Copy every line of the records below that holds the word "ELEMENT".

> _Extracted material_:
● ● ● ● ●
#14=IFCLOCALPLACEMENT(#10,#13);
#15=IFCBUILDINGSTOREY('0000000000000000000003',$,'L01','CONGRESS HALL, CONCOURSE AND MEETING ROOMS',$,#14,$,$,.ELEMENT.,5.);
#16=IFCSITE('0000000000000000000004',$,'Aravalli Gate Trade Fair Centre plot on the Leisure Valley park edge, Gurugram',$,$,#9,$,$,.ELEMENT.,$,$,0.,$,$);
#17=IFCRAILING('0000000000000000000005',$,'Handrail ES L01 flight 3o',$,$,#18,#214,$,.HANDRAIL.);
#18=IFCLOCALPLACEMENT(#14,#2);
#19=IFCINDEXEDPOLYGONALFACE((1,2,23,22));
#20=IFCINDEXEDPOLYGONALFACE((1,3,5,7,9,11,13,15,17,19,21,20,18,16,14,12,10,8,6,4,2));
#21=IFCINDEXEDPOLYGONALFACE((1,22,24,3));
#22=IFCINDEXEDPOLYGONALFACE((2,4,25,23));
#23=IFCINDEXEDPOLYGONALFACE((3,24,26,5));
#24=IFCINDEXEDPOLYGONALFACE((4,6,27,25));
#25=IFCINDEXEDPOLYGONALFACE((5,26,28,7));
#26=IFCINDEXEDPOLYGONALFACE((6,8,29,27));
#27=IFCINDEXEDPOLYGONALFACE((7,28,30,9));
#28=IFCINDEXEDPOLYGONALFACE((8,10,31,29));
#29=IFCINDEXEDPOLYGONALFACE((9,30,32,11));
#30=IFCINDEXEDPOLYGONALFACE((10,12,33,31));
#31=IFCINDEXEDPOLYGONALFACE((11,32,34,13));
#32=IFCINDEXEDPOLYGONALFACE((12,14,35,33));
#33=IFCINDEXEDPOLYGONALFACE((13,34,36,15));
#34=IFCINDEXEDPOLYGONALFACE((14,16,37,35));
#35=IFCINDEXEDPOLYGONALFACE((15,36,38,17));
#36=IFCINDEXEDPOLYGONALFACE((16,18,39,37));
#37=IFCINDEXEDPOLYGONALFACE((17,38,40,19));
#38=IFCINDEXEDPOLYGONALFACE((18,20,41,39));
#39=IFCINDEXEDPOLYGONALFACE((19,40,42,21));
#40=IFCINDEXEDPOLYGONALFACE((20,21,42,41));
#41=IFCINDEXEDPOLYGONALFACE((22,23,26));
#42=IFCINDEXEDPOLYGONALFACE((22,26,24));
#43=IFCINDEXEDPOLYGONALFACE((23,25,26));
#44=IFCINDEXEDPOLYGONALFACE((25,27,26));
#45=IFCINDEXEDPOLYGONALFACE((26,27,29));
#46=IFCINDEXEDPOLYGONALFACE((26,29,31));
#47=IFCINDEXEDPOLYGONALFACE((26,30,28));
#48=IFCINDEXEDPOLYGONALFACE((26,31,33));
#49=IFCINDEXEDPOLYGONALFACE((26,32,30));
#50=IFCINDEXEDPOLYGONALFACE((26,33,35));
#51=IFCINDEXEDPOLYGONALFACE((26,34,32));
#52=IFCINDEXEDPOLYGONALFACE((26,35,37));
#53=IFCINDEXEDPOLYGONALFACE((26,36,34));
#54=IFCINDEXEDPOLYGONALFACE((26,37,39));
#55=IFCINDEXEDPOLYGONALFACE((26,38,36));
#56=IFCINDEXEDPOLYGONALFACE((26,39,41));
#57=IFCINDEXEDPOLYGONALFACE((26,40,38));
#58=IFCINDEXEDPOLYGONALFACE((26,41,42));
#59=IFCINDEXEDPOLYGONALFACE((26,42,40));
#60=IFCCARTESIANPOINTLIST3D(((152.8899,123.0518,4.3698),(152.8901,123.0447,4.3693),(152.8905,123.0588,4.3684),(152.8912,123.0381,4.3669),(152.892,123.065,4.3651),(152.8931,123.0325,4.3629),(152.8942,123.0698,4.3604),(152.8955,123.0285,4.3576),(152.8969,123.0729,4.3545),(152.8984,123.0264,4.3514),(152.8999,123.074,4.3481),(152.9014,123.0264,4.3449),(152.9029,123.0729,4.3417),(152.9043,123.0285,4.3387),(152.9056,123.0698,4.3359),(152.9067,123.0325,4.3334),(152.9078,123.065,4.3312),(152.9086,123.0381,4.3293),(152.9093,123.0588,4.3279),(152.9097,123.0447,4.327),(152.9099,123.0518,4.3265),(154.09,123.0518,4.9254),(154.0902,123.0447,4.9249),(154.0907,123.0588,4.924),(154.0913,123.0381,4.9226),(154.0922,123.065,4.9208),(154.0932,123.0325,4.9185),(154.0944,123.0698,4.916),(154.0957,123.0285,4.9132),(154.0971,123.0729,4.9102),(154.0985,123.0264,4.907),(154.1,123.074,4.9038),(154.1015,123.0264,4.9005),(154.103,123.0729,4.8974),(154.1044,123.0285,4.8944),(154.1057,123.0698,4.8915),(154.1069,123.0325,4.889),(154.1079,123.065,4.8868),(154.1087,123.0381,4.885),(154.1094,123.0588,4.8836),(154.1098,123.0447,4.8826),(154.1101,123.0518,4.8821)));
● ● ● ● ●
> _Solution_:
#15=IFCBUILDINGSTOREY('0000000000000000000003',$,'L01','CONGRESS HALL, CONCOURSE AND MEETING ROOMS',$,#14,$,$,.ELEMENT.,5.);
#16=IFCSITE('0000000000000000000004',$,'Aravalli Gate Trade Fair Centre plot on the Leisure Valley park edge, Gurugram',$,$,#9,$,$,.ELEMENT.,$,$,0.,$,$);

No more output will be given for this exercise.